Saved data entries
:::::

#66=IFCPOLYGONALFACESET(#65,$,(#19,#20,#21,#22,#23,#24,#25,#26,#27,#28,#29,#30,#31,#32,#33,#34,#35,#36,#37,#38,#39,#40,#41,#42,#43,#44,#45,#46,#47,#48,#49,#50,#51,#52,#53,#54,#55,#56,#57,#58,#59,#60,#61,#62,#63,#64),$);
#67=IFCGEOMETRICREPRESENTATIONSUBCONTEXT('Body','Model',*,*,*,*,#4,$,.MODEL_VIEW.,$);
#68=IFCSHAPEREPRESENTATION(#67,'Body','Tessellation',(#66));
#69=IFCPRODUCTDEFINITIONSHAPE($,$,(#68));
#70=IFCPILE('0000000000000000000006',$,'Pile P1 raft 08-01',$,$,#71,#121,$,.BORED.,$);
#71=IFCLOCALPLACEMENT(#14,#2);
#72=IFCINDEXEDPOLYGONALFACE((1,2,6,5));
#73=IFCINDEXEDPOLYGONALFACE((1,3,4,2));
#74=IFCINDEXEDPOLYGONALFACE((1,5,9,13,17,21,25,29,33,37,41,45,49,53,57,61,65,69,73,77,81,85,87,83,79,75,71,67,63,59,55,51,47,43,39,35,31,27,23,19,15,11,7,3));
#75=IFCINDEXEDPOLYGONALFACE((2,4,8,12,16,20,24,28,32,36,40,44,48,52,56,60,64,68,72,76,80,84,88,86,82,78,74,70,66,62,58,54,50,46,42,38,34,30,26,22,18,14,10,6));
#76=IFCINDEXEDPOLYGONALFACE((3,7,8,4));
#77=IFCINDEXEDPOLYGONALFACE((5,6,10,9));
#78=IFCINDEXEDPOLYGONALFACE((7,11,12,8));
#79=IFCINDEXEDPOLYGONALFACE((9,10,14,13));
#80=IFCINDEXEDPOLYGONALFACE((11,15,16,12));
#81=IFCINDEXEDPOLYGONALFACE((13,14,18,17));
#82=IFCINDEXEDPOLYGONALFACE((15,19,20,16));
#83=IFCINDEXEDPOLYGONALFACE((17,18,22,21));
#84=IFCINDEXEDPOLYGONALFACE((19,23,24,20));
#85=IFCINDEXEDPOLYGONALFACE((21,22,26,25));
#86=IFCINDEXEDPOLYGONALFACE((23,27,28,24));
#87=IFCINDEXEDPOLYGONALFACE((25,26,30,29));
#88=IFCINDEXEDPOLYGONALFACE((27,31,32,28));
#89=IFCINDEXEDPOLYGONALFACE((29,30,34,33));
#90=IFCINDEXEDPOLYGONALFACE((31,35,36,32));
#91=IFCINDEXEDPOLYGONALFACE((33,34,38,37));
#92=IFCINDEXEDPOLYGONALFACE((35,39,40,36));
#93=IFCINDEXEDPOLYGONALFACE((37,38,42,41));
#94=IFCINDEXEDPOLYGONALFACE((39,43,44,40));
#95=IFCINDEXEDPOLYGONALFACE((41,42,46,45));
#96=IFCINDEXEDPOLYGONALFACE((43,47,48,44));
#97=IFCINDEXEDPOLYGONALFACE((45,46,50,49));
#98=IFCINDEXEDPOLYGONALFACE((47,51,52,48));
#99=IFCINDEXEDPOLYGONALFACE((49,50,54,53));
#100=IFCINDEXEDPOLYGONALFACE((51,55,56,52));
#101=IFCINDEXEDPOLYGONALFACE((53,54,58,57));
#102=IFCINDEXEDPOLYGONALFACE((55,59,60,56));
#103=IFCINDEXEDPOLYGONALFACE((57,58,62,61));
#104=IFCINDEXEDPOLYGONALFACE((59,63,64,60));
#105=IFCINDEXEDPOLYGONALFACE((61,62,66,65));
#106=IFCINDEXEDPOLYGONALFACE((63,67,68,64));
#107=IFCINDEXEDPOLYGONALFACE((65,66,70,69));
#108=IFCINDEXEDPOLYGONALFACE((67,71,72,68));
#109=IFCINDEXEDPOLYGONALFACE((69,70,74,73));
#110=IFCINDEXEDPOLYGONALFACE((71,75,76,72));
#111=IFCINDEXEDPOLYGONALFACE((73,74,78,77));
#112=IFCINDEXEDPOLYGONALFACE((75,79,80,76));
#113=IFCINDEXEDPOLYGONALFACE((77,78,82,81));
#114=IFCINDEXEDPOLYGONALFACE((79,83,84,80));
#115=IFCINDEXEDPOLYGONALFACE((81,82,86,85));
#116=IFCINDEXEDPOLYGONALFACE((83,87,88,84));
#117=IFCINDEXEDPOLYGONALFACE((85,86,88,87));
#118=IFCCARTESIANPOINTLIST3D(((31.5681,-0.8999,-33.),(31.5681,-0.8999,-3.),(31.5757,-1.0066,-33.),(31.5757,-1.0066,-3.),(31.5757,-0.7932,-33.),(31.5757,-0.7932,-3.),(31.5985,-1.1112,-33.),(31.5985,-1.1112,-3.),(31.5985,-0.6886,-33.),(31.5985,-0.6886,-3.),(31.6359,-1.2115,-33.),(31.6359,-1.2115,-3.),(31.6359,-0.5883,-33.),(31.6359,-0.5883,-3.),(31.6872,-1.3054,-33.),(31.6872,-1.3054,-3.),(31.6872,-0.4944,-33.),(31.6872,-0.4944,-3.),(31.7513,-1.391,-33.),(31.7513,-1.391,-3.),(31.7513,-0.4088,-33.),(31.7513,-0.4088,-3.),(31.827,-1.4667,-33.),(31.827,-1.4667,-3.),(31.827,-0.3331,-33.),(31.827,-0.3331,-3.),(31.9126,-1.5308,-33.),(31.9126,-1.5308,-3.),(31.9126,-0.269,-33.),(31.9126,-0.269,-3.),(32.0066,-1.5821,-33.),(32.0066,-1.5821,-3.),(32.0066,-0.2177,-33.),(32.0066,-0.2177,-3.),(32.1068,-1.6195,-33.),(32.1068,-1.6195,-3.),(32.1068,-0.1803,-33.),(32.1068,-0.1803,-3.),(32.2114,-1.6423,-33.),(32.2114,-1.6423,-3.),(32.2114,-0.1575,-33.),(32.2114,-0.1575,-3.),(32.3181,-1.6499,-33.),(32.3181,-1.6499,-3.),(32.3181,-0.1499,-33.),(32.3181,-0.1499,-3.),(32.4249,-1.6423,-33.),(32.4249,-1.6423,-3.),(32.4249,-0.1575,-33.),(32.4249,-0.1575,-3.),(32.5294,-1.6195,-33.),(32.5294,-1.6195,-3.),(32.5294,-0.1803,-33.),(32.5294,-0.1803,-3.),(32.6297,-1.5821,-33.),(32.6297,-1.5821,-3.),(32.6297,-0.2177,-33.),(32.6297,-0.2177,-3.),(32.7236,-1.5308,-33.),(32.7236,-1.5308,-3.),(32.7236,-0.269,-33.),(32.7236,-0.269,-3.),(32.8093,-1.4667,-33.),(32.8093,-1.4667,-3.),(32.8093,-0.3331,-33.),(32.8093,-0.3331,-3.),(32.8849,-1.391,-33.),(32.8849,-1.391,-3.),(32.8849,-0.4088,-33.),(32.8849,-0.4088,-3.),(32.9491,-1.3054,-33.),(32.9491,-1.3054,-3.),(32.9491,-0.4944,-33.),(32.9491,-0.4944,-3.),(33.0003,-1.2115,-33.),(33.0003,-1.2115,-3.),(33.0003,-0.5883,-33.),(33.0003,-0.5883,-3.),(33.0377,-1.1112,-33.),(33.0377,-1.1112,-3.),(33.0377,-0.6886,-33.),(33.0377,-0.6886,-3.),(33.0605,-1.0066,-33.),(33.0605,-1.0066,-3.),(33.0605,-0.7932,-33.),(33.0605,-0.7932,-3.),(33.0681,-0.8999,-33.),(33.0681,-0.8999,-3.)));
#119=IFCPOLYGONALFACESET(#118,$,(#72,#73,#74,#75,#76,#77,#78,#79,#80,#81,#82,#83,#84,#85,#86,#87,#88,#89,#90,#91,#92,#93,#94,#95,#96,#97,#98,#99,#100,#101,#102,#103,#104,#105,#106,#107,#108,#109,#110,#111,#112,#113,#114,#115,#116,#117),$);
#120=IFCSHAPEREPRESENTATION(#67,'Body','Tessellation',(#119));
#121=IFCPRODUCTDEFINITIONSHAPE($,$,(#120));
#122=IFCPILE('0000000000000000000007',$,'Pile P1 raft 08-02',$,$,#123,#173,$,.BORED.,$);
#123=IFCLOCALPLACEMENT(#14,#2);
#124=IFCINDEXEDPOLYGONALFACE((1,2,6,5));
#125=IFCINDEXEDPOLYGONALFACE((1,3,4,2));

:::::

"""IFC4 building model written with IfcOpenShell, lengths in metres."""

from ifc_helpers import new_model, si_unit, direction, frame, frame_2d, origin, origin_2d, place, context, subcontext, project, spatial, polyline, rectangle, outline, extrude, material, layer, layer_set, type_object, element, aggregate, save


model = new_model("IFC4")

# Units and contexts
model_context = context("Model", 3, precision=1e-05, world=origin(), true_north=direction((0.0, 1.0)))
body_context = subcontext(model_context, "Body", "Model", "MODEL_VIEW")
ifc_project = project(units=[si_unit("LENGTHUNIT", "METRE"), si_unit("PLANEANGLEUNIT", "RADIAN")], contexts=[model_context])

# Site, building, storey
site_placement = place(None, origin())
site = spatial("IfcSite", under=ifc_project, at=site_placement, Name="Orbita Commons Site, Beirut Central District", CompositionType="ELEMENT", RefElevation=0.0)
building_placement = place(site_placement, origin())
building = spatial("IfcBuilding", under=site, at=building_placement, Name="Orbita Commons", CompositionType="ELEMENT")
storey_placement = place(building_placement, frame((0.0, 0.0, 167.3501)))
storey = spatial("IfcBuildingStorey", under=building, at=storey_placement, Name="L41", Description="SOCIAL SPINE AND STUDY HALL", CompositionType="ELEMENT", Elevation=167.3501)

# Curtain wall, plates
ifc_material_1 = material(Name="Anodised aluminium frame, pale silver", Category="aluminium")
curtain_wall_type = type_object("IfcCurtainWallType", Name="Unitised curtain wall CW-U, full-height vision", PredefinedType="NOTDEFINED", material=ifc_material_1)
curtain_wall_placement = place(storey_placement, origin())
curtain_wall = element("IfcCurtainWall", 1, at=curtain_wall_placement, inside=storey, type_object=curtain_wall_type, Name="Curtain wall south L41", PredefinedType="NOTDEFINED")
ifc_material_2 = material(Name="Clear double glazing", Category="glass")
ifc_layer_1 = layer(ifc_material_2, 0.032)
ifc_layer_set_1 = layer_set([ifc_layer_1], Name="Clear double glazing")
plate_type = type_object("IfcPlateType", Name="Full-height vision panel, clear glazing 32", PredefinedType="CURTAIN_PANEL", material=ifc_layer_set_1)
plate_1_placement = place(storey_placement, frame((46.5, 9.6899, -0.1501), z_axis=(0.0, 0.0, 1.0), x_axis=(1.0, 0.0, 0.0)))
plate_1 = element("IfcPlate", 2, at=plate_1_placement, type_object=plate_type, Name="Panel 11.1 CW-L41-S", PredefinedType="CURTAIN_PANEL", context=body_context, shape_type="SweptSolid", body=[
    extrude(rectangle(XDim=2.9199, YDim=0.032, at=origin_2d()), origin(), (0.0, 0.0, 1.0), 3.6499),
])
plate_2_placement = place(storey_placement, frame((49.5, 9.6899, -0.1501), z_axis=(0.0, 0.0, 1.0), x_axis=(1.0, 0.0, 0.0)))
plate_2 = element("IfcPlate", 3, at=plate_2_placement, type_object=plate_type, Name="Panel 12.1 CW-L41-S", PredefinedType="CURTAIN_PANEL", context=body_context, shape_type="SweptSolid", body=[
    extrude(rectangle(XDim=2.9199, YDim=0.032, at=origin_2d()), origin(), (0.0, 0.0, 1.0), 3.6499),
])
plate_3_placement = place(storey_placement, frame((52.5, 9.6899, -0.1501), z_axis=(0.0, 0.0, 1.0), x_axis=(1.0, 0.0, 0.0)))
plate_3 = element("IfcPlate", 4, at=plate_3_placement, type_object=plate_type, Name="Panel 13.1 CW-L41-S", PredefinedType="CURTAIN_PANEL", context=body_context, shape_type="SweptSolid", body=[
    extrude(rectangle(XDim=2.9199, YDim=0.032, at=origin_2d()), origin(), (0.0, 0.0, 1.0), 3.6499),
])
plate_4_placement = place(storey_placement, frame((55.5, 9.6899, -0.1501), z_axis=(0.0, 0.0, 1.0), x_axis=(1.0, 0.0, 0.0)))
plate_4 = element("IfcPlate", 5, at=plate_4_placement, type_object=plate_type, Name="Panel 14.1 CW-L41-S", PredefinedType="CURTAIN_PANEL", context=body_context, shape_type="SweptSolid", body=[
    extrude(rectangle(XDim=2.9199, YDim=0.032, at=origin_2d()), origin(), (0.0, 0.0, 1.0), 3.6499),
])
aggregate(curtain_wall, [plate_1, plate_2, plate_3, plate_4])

:::::

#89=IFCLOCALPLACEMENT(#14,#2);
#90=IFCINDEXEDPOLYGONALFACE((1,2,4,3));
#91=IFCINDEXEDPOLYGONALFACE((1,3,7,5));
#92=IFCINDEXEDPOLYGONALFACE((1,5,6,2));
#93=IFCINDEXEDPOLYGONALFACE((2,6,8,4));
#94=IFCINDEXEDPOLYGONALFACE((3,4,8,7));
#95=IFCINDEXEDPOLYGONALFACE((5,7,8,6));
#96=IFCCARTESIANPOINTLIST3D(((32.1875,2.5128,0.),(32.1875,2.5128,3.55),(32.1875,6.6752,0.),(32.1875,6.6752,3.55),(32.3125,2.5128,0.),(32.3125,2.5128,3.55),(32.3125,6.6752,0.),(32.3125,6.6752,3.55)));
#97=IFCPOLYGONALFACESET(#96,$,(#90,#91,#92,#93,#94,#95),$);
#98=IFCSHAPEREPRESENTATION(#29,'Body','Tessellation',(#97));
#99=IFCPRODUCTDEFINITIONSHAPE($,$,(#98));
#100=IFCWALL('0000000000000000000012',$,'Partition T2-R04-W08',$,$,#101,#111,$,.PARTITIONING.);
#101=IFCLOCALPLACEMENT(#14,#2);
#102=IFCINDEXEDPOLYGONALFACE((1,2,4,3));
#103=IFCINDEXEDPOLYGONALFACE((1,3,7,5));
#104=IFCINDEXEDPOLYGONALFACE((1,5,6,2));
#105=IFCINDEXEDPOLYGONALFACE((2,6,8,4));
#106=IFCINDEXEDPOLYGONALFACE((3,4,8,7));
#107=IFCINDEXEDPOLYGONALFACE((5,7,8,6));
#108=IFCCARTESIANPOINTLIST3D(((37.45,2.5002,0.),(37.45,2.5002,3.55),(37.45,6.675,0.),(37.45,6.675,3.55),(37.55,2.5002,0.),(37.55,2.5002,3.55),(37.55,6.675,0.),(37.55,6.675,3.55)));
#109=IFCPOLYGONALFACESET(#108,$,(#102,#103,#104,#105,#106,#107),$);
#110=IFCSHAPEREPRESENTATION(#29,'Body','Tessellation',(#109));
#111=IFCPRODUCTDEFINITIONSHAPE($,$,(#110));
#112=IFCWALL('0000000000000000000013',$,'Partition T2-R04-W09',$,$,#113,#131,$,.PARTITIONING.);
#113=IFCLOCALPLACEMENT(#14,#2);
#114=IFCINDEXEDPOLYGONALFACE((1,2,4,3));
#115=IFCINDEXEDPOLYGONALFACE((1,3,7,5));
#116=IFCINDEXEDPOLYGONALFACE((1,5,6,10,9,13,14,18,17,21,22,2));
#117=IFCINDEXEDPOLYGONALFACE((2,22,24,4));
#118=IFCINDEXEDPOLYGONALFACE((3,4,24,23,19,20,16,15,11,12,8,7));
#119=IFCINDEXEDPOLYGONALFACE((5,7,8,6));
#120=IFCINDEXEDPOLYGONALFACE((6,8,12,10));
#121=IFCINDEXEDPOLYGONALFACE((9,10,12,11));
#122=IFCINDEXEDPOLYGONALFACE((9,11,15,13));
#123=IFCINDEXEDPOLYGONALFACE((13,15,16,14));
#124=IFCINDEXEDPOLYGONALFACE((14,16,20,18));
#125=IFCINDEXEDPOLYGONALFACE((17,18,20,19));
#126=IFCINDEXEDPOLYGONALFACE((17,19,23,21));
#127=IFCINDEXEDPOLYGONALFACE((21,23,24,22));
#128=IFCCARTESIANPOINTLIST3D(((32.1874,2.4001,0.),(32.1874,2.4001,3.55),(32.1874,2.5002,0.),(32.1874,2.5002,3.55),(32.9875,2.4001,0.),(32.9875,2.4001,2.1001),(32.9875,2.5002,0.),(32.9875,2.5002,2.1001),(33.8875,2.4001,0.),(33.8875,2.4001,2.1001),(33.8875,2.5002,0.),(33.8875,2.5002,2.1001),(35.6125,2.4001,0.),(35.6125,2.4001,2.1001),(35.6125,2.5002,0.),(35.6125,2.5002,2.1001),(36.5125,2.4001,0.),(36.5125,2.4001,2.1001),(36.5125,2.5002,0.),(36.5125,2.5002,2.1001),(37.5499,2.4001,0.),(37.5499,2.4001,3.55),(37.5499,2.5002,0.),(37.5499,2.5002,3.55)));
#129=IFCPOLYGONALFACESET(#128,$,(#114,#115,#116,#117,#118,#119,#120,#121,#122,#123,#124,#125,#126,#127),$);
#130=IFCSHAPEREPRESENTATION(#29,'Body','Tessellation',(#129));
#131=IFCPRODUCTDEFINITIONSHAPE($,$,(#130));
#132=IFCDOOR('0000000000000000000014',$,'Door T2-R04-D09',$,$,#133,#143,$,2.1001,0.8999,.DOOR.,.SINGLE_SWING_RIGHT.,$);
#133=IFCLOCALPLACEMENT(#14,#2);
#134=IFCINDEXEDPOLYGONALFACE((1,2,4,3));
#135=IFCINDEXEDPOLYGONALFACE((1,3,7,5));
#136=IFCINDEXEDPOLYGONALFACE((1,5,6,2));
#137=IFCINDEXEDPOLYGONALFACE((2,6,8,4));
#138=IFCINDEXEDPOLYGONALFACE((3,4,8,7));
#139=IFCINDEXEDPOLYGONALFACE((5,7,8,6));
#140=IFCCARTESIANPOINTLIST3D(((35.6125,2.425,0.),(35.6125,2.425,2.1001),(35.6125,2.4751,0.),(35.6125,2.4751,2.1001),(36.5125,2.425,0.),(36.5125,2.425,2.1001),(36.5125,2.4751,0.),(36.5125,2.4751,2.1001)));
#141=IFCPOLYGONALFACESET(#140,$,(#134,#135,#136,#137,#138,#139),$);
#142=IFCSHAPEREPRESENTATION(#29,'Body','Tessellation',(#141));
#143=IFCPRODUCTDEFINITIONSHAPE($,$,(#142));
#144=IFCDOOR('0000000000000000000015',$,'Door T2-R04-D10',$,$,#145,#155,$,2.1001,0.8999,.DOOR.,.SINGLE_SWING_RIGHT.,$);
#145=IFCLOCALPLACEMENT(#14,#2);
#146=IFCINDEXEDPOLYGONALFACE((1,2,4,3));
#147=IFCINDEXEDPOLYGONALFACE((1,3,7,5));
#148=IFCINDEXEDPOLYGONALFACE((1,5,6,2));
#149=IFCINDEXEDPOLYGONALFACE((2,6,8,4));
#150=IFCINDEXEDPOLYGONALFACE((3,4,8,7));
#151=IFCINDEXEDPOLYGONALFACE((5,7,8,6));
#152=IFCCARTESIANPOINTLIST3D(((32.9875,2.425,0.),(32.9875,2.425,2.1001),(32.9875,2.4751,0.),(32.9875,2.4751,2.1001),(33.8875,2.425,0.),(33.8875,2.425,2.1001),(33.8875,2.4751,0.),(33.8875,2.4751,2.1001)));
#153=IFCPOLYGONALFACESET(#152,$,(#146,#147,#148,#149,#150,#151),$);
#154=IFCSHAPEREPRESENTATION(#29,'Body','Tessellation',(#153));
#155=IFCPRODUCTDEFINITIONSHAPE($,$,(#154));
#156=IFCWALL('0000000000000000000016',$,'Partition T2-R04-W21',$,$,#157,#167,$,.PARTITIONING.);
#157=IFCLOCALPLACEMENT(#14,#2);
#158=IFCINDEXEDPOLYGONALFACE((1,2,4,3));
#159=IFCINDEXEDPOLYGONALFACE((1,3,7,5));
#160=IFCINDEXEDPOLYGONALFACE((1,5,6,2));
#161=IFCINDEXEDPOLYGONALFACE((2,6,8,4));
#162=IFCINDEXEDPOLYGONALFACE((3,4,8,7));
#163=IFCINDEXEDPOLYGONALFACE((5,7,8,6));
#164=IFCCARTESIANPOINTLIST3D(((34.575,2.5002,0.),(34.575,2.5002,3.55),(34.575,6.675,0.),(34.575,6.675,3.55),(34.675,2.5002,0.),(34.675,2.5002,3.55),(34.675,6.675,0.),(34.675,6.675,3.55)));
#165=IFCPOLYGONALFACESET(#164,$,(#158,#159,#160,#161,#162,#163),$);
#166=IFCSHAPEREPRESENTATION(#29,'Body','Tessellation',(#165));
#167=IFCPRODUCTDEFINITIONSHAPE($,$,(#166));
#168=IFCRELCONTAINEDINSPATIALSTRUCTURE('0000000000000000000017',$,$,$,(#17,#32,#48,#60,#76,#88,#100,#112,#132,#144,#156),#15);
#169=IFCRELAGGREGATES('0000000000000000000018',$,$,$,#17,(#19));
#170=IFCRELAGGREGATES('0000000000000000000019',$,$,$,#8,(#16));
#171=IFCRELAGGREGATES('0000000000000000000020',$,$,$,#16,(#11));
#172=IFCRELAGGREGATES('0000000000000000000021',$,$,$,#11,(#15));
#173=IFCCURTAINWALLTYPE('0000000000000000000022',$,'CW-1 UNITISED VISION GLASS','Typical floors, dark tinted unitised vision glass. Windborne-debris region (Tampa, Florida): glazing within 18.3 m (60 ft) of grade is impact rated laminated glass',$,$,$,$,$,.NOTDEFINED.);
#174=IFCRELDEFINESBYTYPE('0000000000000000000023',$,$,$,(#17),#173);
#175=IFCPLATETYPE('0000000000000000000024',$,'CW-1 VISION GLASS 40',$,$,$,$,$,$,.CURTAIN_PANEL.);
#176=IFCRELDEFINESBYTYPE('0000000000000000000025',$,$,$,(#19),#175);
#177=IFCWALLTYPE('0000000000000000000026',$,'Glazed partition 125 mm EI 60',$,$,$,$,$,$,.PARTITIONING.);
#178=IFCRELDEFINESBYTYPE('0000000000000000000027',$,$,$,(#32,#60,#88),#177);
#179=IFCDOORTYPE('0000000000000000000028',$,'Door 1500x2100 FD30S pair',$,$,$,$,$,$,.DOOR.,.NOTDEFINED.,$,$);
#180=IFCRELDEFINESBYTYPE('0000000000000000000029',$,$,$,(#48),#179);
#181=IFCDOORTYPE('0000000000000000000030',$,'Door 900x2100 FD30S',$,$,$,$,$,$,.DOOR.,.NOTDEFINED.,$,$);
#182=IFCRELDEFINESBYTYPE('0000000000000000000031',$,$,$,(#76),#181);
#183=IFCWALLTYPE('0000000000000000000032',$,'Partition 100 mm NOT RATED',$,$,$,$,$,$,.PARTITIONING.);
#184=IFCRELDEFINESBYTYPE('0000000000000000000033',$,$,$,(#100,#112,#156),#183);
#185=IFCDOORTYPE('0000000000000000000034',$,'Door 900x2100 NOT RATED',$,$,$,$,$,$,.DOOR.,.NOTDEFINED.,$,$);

:::::

> What to work on
Restate word for word the entries above, starting at the line with "#85=IFCINDEXEDPOLYGONALFACE((21,22,26,25));" and ending at the line with "#114=IFCINDEXEDPOLYGONALFACE((79,83,84,80));", inclusive, and no others.

> Exercise output
#85=IFCINDEXEDPOLYGONALFACE((21,22,26,25));
#86=IFCINDEXEDPOLYGONALFACE((23,27,28,24));
#87=IFCINDEXEDPOLYGONALFACE((25,26,30,29));
#88=IFCINDEXEDPOLYGONALFACE((27,31,32,28));
#89=IFCINDEXEDPOLYGONALFACE((29,30,34,33));
#90=IFCINDEXEDPOLYGONALFACE((31,35,36,32));
#91=IFCINDEXEDPOLYGONALFACE((33,34,38,37));
#92=IFCINDEXEDPOLYGONALFACE((35,39,40,36));
#93=IFCINDEXEDPOLYGONALFACE((37,38,42,41));
#94=IFCINDEXEDPOLYGONALFACE((39,43,44,40));
#95=IFCINDEXEDPOLYGONALFACE((41,42,46,45));
#96=IFCINDEXEDPOLYGONALFACE((43,47,48,44));
#97=IFCINDEXEDPOLYGONALFACE((45,46,50,49));
#98=IFCINDEXEDPOLYGONALFACE((47,51,52,48));
#99=IFCINDEXEDPOLYGONALFACE((49,50,54,53));
#100=IFCINDEXEDPOLYGONALFACE((51,55,56,52));
#101=IFCINDEXEDPOLYGONALFACE((53,54,58,57));
#102=IFCINDEXEDPOLYGONALFACE((55,59,60,56));
#103=IFCINDEXEDPOLYGONALFACE((57,58,62,61));
#104=IFCINDEXEDPOLYGONALFACE((59,63,64,60));
#105=IFCINDEXEDPOLYGONALFACE((61,62,66,65));
#106=IFCINDEXEDPOLYGONALFACE((63,67,68,64));
#107=IFCINDEXEDPOLYGONALFACE((65,66,70,69));
#108=IFCINDEXEDPOLYGONALFACE((67,71,72,68));
#109=IFCINDEXEDPOLYGONALFACE((69,70,74,73));
#110=IFCINDEXEDPOLYGONALFACE((71,75,76,72));
#111=IFCINDEXEDPOLYGONALFACE((73,74,78,77));
#112=IFCINDEXEDPOLYGONALFACE((75,79,80,76));
#113=IFCINDEXEDPOLYGONALFACE((77,78,82,81));
#114=IFCINDEXEDPOLYGONALFACE((79,83,84,80));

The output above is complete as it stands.